Work required: Below are the records; copy every line in them that holds the string "BRACE".
* * * * * * * * *
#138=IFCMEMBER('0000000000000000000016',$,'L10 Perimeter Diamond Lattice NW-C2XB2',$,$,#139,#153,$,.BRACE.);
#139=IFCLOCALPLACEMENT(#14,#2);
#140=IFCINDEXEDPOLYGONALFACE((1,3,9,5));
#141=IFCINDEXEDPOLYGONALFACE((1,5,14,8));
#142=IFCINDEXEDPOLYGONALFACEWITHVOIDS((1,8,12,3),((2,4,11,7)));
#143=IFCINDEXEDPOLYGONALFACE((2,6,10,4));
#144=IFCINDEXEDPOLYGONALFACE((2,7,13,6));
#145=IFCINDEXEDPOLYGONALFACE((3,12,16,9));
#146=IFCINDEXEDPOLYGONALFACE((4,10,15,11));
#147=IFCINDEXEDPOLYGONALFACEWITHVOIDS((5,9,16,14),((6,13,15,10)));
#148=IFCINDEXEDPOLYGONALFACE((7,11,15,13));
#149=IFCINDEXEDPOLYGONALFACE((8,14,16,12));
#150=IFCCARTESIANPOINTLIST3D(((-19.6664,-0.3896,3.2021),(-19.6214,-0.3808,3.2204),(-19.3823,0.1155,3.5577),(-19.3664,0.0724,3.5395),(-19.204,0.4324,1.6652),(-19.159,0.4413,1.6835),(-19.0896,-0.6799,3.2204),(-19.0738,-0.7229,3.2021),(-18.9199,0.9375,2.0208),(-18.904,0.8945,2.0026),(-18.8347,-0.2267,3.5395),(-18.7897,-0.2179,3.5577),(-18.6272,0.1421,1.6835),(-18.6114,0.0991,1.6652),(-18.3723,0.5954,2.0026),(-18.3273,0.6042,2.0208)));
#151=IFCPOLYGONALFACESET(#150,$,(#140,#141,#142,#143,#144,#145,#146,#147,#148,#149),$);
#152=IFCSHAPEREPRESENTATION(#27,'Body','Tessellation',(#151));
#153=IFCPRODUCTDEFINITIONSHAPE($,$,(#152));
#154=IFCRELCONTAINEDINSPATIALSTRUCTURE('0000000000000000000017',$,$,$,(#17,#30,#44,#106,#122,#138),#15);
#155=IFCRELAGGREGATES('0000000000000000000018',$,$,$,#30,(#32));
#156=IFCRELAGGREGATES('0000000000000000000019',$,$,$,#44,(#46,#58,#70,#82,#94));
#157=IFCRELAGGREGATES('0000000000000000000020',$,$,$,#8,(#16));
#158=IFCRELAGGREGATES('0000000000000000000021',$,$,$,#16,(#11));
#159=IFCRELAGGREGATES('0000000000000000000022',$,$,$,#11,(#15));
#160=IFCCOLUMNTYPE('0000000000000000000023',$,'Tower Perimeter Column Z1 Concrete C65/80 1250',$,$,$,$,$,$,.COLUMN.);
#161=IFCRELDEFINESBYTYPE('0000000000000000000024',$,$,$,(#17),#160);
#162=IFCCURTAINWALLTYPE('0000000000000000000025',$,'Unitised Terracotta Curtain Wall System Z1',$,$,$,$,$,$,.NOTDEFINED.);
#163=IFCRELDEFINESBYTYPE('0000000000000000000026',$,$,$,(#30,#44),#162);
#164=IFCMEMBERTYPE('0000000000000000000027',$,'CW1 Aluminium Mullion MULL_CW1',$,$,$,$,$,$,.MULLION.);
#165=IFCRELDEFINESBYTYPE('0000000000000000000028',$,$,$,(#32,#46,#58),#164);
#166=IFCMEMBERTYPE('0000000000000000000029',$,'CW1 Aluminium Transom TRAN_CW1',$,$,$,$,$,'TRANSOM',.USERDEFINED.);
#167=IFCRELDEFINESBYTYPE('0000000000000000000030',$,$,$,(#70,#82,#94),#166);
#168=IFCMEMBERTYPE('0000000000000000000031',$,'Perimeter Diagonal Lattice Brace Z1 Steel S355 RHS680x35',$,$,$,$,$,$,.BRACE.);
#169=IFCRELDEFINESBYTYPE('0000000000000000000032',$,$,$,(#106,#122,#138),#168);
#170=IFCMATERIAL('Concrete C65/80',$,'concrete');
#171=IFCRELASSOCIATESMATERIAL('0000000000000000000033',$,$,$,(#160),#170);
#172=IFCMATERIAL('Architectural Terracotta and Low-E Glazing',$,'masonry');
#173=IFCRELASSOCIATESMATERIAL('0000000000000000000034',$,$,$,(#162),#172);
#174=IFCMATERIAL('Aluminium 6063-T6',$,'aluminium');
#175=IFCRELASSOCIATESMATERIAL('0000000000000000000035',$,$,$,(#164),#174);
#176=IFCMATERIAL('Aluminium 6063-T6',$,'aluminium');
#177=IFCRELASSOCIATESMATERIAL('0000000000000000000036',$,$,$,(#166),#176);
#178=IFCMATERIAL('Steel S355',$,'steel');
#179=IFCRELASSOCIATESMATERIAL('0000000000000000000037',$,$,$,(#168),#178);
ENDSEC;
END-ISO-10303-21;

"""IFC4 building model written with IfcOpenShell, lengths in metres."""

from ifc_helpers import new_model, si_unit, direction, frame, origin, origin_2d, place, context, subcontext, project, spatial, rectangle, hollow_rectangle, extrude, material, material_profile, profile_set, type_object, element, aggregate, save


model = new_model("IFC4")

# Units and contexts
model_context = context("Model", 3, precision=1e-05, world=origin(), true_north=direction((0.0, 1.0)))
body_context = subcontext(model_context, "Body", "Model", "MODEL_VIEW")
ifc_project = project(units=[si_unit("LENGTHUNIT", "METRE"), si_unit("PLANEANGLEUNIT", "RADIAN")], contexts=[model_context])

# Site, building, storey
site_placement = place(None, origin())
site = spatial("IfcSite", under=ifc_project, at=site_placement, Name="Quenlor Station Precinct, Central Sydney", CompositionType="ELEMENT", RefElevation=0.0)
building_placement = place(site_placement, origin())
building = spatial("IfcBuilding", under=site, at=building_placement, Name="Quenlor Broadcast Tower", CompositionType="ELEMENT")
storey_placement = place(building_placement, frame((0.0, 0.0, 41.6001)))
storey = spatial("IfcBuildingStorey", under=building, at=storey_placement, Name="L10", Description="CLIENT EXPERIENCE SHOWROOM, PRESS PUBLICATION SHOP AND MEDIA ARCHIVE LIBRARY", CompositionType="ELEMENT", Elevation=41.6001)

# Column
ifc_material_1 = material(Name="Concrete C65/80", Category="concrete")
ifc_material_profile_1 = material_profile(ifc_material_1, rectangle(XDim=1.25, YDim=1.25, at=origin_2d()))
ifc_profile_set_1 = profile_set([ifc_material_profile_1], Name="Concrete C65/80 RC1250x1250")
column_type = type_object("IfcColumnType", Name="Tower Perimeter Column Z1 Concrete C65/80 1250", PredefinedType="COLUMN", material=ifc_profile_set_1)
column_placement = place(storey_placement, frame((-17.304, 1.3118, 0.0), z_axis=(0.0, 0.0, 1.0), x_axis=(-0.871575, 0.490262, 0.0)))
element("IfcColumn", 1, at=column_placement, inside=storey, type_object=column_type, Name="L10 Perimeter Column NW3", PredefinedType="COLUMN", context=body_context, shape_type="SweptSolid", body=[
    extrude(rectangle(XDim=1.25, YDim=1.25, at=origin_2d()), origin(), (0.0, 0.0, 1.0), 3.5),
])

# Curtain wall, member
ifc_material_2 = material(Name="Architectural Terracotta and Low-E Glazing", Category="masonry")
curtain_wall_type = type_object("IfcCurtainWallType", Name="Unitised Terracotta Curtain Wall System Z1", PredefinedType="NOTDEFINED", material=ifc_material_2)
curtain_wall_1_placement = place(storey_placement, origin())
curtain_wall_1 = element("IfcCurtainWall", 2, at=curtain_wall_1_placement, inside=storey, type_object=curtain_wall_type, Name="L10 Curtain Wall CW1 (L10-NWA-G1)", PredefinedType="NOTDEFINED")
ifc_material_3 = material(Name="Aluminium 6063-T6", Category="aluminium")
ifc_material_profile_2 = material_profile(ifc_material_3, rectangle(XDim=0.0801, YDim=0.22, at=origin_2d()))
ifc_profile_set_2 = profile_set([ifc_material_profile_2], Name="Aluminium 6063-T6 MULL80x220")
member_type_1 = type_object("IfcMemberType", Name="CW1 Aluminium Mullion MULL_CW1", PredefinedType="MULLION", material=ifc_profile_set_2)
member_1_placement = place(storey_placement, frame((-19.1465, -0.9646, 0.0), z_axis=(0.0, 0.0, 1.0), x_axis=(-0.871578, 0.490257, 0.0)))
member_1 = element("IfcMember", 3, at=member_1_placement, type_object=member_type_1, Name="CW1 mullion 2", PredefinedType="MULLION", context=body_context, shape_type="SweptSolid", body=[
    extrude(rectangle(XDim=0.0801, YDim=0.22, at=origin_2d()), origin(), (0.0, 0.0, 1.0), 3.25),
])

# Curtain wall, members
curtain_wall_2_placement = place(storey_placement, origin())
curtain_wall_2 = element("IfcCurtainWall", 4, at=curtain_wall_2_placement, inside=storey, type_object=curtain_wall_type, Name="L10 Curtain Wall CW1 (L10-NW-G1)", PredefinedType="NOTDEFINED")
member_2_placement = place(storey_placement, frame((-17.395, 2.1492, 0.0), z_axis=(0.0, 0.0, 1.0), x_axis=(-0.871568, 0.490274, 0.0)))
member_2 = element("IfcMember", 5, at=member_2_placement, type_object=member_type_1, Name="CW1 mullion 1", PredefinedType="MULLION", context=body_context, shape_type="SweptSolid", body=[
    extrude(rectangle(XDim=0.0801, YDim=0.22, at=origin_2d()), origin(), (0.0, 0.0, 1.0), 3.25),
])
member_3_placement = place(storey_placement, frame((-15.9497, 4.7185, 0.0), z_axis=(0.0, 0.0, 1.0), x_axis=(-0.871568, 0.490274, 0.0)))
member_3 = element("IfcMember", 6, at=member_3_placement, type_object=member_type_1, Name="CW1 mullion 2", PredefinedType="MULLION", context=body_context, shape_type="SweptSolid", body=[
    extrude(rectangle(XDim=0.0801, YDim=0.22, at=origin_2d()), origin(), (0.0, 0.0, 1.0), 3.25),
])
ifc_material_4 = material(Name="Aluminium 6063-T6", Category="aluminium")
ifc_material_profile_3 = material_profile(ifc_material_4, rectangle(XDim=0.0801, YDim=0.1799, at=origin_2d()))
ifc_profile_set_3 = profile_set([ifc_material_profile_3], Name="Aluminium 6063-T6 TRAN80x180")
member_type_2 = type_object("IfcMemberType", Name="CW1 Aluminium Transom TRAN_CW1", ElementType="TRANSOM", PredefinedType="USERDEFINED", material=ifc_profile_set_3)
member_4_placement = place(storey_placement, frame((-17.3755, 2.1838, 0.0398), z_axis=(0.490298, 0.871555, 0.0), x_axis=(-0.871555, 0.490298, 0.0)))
* * * * * * * * *
Result of the task:
#138=IFCMEMBER('0000000000000000000016',$,'L10 Perimeter Diamond Lattice NW-C2XB2',$,$,#139,#153,$,.BRACE.);
#168=IFCMEMBERTYPE('0000000000000000000031',$,'Perimeter Diagonal Lattice Brace Z1 Steel S355 RHS680x35',$,$,$,$,$,$,.BRACE.);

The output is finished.